ABOUT THIS TASK: The answer is one number. Say how many lines in the entries below include the word "PARTITIONING".

DATA:
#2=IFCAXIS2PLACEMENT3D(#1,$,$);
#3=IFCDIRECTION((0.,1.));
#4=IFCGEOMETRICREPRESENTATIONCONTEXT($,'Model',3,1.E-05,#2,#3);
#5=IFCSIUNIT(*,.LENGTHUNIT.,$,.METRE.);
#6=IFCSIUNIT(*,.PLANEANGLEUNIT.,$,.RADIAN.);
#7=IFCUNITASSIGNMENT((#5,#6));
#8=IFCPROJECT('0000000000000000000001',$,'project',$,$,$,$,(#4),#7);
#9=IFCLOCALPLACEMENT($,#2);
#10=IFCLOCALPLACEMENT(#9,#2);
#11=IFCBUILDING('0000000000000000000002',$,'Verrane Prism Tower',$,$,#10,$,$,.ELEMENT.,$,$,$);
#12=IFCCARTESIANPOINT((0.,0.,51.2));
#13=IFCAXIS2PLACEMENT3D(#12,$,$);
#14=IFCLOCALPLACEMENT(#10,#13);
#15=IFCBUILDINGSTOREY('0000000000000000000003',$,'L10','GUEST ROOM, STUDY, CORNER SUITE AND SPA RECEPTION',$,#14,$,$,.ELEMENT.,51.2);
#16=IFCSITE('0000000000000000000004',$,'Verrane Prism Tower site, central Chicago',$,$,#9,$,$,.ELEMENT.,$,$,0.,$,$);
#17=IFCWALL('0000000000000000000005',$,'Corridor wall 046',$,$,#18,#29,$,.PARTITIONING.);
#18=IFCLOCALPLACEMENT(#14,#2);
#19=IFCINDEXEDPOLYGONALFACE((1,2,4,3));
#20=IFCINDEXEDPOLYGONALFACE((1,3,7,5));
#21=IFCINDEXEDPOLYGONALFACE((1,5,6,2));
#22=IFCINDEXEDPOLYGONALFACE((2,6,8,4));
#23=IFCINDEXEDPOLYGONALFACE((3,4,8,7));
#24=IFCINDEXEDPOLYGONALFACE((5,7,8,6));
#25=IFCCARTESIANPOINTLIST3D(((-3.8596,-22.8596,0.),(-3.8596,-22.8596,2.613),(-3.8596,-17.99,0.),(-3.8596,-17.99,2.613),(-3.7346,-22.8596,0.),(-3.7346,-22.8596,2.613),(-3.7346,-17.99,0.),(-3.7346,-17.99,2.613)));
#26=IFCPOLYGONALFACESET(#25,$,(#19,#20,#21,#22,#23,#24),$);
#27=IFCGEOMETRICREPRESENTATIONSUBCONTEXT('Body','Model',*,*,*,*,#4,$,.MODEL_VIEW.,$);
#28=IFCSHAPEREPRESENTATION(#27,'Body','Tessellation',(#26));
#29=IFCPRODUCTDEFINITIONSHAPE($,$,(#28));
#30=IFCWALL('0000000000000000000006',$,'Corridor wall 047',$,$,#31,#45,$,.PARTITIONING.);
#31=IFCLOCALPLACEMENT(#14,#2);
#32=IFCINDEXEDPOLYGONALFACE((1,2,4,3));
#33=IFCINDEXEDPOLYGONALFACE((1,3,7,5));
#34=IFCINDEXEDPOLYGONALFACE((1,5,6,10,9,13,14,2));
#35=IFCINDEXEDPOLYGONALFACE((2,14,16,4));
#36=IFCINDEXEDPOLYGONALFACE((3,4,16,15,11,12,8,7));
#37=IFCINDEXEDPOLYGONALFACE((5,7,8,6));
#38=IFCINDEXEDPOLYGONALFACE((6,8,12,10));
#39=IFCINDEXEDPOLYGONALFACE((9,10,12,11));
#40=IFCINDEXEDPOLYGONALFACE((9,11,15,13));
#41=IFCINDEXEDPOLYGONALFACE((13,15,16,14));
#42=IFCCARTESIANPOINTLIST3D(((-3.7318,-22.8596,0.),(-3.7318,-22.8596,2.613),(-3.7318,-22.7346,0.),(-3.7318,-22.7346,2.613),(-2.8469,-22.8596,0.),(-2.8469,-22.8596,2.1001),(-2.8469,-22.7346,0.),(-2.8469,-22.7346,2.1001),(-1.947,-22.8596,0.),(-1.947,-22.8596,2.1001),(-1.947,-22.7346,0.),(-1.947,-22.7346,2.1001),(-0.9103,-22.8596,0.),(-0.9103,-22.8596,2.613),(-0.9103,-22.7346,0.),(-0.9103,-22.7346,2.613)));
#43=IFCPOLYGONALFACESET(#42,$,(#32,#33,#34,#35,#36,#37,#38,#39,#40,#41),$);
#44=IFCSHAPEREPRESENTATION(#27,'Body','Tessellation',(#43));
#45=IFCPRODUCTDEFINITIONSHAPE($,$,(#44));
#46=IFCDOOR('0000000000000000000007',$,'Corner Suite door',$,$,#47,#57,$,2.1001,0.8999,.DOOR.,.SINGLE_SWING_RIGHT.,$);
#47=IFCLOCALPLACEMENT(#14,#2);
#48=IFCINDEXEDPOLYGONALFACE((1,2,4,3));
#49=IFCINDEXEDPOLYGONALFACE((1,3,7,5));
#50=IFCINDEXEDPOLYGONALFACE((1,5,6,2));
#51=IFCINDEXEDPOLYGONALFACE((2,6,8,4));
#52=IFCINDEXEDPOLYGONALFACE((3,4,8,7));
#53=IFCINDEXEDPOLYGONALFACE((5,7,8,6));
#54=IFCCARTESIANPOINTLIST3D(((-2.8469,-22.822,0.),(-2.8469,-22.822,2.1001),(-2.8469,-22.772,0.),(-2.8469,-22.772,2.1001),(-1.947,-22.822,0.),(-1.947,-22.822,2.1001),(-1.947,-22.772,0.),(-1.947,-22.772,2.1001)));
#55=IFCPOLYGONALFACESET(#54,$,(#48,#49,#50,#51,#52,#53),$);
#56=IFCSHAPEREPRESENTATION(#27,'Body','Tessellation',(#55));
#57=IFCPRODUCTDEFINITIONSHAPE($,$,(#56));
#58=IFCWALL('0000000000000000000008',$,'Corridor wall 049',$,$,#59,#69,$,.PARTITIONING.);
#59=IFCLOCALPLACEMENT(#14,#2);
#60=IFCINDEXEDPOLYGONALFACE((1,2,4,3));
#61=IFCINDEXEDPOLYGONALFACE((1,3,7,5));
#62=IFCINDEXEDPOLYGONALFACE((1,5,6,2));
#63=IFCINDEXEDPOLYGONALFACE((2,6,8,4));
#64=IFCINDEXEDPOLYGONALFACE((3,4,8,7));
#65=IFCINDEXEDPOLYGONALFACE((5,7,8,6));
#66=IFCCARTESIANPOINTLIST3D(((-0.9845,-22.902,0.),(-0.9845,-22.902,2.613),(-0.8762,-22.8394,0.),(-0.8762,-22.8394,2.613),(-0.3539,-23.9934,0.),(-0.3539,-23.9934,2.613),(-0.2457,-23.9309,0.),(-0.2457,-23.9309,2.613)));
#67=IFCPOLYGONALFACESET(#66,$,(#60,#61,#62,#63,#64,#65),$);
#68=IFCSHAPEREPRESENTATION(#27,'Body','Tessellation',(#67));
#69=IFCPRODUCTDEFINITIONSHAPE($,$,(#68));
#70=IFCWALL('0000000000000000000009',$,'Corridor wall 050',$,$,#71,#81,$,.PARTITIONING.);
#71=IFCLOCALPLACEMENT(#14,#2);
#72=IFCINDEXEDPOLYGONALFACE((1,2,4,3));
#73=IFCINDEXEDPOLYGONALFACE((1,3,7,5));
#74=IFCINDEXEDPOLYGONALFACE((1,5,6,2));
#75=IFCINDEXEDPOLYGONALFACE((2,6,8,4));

RESULT: 4